__Input for this task__.
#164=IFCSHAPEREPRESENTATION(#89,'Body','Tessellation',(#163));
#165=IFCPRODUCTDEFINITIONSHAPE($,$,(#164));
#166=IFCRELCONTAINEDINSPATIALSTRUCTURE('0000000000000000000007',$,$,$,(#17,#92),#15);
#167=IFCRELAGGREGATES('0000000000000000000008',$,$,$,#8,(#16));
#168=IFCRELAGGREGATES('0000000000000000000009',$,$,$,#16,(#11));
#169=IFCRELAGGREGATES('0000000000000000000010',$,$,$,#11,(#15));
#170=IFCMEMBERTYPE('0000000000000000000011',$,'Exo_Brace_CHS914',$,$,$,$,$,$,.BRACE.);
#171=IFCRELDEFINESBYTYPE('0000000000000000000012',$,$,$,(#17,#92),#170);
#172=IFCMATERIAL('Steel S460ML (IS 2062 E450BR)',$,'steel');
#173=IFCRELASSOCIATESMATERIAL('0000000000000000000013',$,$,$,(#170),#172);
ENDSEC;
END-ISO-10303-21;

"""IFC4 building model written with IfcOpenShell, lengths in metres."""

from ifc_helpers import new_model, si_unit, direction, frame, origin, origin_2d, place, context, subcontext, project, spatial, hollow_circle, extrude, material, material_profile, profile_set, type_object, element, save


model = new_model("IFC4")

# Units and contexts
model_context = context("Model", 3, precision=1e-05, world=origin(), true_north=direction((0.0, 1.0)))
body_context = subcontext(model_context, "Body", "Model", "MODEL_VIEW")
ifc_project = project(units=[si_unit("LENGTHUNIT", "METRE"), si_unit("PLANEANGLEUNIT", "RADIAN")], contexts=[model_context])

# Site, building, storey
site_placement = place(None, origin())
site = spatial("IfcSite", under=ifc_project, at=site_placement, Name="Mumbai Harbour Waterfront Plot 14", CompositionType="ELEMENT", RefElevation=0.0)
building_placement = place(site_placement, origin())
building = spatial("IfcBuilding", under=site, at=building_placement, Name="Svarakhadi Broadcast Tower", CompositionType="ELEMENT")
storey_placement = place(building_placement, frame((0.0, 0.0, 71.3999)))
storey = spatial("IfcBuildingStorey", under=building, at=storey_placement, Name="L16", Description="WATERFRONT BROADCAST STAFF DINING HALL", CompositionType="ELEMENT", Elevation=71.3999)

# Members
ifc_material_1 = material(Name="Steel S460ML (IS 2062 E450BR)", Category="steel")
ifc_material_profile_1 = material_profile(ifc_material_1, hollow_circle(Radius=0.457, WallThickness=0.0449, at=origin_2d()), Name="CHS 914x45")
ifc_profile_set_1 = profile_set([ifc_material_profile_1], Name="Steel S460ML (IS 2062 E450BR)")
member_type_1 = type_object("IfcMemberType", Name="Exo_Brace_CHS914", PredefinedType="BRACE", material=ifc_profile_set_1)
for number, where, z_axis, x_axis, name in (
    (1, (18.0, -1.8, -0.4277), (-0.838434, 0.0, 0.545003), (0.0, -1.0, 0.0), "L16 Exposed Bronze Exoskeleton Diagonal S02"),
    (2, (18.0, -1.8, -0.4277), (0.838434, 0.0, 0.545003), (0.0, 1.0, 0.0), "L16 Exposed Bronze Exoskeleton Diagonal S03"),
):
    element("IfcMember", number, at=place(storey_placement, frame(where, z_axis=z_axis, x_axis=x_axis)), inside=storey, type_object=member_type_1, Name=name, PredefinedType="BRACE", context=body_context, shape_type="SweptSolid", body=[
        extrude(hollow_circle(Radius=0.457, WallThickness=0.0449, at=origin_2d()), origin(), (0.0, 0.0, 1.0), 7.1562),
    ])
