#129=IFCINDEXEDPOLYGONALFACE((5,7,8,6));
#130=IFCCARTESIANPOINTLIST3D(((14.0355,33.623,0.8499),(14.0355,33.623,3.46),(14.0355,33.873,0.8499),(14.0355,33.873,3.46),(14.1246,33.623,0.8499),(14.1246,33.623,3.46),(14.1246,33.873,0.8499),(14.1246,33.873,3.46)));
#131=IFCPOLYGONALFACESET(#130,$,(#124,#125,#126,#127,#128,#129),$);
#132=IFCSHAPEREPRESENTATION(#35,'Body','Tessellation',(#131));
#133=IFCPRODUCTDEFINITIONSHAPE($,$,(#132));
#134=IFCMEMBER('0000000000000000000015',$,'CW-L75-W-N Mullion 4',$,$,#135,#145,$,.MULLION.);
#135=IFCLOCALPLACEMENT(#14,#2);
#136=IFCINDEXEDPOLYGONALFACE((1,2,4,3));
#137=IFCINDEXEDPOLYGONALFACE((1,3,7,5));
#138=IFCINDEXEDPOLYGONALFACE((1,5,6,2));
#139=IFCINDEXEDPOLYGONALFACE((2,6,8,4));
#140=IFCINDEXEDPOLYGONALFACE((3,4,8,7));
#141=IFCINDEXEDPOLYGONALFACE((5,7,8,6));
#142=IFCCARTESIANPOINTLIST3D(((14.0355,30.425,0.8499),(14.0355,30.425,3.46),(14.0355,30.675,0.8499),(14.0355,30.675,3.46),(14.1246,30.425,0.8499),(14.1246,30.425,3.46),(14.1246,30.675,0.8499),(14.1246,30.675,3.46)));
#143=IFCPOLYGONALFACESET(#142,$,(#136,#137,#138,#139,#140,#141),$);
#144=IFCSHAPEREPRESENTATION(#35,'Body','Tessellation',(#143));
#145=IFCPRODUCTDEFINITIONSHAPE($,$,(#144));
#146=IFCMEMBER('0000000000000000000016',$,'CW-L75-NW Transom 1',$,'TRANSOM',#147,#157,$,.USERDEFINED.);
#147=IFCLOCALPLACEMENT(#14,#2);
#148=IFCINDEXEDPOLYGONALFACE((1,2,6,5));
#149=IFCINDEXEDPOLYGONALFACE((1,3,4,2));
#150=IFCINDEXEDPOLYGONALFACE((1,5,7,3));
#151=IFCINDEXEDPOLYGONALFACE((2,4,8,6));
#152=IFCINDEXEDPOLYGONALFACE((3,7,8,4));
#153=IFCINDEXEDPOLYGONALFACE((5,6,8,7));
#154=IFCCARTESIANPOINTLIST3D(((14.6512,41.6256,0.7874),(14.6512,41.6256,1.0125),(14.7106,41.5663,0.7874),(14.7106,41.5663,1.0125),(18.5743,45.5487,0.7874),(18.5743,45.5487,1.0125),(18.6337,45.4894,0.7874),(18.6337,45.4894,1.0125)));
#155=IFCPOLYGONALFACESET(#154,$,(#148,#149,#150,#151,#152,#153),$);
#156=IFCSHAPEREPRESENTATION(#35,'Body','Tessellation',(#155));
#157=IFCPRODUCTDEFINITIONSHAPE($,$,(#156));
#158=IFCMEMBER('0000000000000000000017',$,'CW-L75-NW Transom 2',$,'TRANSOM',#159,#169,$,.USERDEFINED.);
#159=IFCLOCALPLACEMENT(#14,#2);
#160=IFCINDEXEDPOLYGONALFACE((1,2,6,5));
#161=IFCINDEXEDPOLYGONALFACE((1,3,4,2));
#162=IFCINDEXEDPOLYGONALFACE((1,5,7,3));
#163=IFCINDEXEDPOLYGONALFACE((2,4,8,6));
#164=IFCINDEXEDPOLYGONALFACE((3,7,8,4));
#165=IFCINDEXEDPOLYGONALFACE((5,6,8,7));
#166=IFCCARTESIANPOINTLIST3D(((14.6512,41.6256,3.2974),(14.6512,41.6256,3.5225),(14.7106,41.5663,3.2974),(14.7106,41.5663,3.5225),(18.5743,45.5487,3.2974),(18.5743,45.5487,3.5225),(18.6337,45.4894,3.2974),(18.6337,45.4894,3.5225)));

__Problem requirements__. Go through the data and copy each line exactly as it was written.

__Output of the exercise__.
#164=IFCSHAPEREPRESENTATION(#89,'Body','Tessellation',(#163));
#165=IFCPRODUCTDEFINITIONSHAPE($,$,(#164));
#166=IFCRELCONTAINEDINSPATIALSTRUCTURE('0000000000000000000007',$,$,$,(#17,#92),#15);
#167=IFCRELAGGREGATES('0000000000000000000008',$,$,$,#8,(#16));
#168=IFCRELAGGREGATES('0000000000000000000009',$,$,$,#16,(#11));
#169=IFCRELAGGREGATES('0000000000000000000010',$,$,$,#11,(#15));
#170=IFCMEMBERTYPE('0000000000000000000011',$,'Exo_Brace_CHS914',$,$,$,$,$,$,.BRACE.);
#171=IFCRELDEFINESBYTYPE('0000000000000000000012',$,$,$,(#17,#92),#170);
#172=IFCMATERIAL('Steel S460ML (IS 2062 E450BR)',$,'steel');
#173=IFCRELASSOCIATESMATERIAL('0000000000000000000013',$,$,$,(#170),#172);
ENDSEC;
END-ISO-10303-21;

"""IFC4 building model written with IfcOpenShell, lengths in metres."""

from ifc_helpers import new_model, si_unit, direction, frame, origin, origin_2d, place, context, subcontext, project, spatial, hollow_circle, extrude, material, material_profile, profile_set, type_object, element, save


model = new_model("IFC4")

# Units and contexts
model_context = context("Model", 3, precision=1e-05, world=origin(), true_north=direction((0.0, 1.0)))
body_context = subcontext(model_context, "Body", "Model", "MODEL_VIEW")
ifc_project = project(units=[si_unit("LENGTHUNIT", "METRE"), si_unit("PLANEANGLEUNIT", "RADIAN")], contexts=[model_context])

# Site, building, storey
site_placement = place(None, origin())
site = spatial("IfcSite", under=ifc_project, at=site_placement, Name="Mumbai Harbour Waterfront Plot 14", CompositionType="ELEMENT", RefElevation=0.0)
building_placement = place(site_placement, origin())
building = spatial("IfcBuilding", under=site, at=building_placement, Name="Svarakhadi Broadcast Tower", CompositionType="ELEMENT")
storey_placement = place(building_placement, frame((0.0, 0.0, 71.3999)))
storey = spatial("IfcBuildingStorey", under=building, at=storey_placement, Name="L16", Description="WATERFRONT BROADCAST STAFF DINING HALL", CompositionType="ELEMENT", Elevation=71.3999)

# Members
ifc_material_1 = material(Name="Steel S460ML (IS 2062 E450BR)", Category="steel")
ifc_material_profile_1 = material_profile(ifc_material_1, hollow_circle(Radius=0.457, WallThickness=0.0449, at=origin_2d()), Name="CHS 914x45")
ifc_profile_set_1 = profile_set([ifc_material_profile_1], Name="Steel S460ML (IS 2062 E450BR)")
member_type_1 = type_object("IfcMemberType", Name="Exo_Brace_CHS914", PredefinedType="BRACE", material=ifc_profile_set_1)
for number, where, z_axis, x_axis, name in (
    (1, (18.0, -1.8, -0.4277), (-0.838434, 0.0, 0.545003), (0.0, -1.0, 0.0), "L16 Exposed Bronze Exoskeleton Diagonal S02"),
    (2, (18.0, -1.8, -0.4277), (0.838434, 0.0, 0.545003), (0.0, 1.0, 0.0), "L16 Exposed Bronze Exoskeleton Diagonal S03"),
):
    element("IfcMember", number, at=place(storey_placement, frame(where, z_axis=z_axis, x_axis=x_axis)), inside=storey, type_object=member_type_1, Name=name, PredefinedType="BRACE", context=body_context, shape_type="SweptSolid", body=[
        extrude(hollow_circle(Radius=0.457, WallThickness=0.0449, at=origin_2d()), origin(), (0.0, 0.0, 1.0), 7.1562),
    ])
#129=IFCINDEXEDPOLYGONALFACE((5,7,8,6));
#130=IFCCARTESIANPOINTLIST3D(((14.0355,33.623,0.8499),(14.0355,33.623,3.46),(14.0355,33.873,0.8499),(14.0355,33.873,3.46),(14.1246,33.623,0.8499),(14.1246,33.623,3.46),(14.1246,33.873,0.8499),(14.1246,33.873,3.46)));
#131=IFCPOLYGONALFACESET(#130,$,(#124,#125,#126,#127,#128,#129),$);
#132=IFCSHAPEREPRESENTATION(#35,'Body','Tessellation',(#131));
#133=IFCPRODUCTDEFINITIONSHAPE($,$,(#132));
#134=IFCMEMBER('0000000000000000000015',$,'CW-L75-W-N Mullion 4',$,$,#135,#145,$,.MULLION.);
#135=IFCLOCALPLACEMENT(#14,#2);
#136=IFCINDEXEDPOLYGONALFACE((1,2,4,3));
#137=IFCINDEXEDPOLYGONALFACE((1,3,7,5));
#138=IFCINDEXEDPOLYGONALFACE((1,5,6,2));
#139=IFCINDEXEDPOLYGONALFACE((2,6,8,4));
#140=IFCINDEXEDPOLYGONALFACE((3,4,8,7));
#141=IFCINDEXEDPOLYGONALFACE((5,7,8,6));
#142=IFCCARTESIANPOINTLIST3D(((14.0355,30.425,0.8499),(14.0355,30.425,3.46),(14.0355,30.675,0.8499),(14.0355,30.675,3.46),(14.1246,30.425,0.8499),(14.1246,30.425,3.46),(14.1246,30.675,0.8499),(14.1246,30.675,3.46)));
#143=IFCPOLYGONALFACESET(#142,$,(#136,#137,#138,#139,#140,#141),$);
#144=IFCSHAPEREPRESENTATION(#35,'Body','Tessellation',(#143));
#145=IFCPRODUCTDEFINITIONSHAPE($,$,(#144));
#146=IFCMEMBER('0000000000000000000016',$,'CW-L75-NW Transom 1',$,'TRANSOM',#147,#157,$,.USERDEFINED.);
#147=IFCLOCALPLACEMENT(#14,#2);
#148=IFCINDEXEDPOLYGONALFACE((1,2,6,5));
#149=IFCINDEXEDPOLYGONALFACE((1,3,4,2));
#150=IFCINDEXEDPOLYGONALFACE((1,5,7,3));
#151=IFCINDEXEDPOLYGONALFACE((2,4,8,6));
#152=IFCINDEXEDPOLYGONALFACE((3,7,8,4));
#153=IFCINDEXEDPOLYGONALFACE((5,6,8,7));
#154=IFCCARTESIANPOINTLIST3D(((14.6512,41.6256,0.7874),(14.6512,41.6256,1.0125),(14.7106,41.5663,0.7874),(14.7106,41.5663,1.0125),(18.5743,45.5487,0.7874),(18.5743,45.5487,1.0125),(18.6337,45.4894,0.7874),(18.6337,45.4894,1.0125)));
#155=IFCPOLYGONALFACESET(#154,$,(#148,#149,#150,#151,#152,#153),$);
#156=IFCSHAPEREPRESENTATION(#35,'Body','Tessellation',(#155));
#157=IFCPRODUCTDEFINITIONSHAPE($,$,(#156));
#158=IFCMEMBER('0000000000000000000017',$,'CW-L75-NW Transom 2',$,'TRANSOM',#159,#169,$,.USERDEFINED.);
#159=IFCLOCALPLACEMENT(#14,#2);
#160=IFCINDEXEDPOLYGONALFACE((1,2,6,5));
#161=IFCINDEXEDPOLYGONALFACE((1,3,4,2));
#162=IFCINDEXEDPOLYGONALFACE((1,5,7,3));
#163=IFCINDEXEDPOLYGONALFACE((2,4,8,6));
#164=IFCINDEXEDPOLYGONALFACE((3,7,8,4));
#165=IFCINDEXEDPOLYGONALFACE((5,6,8,7));
#166=IFCCARTESIANPOINTLIST3D(((14.6512,41.6256,3.2974),(14.6512,41.6256,3.5225),(14.7106,41.5663,3.2974),(14.7106,41.5663,3.5225),(18.5743,45.5487,3.2974),(18.5743,45.5487,3.5225),(18.6337,45.4894,3.2974),(18.6337,45.4894,3.5225)));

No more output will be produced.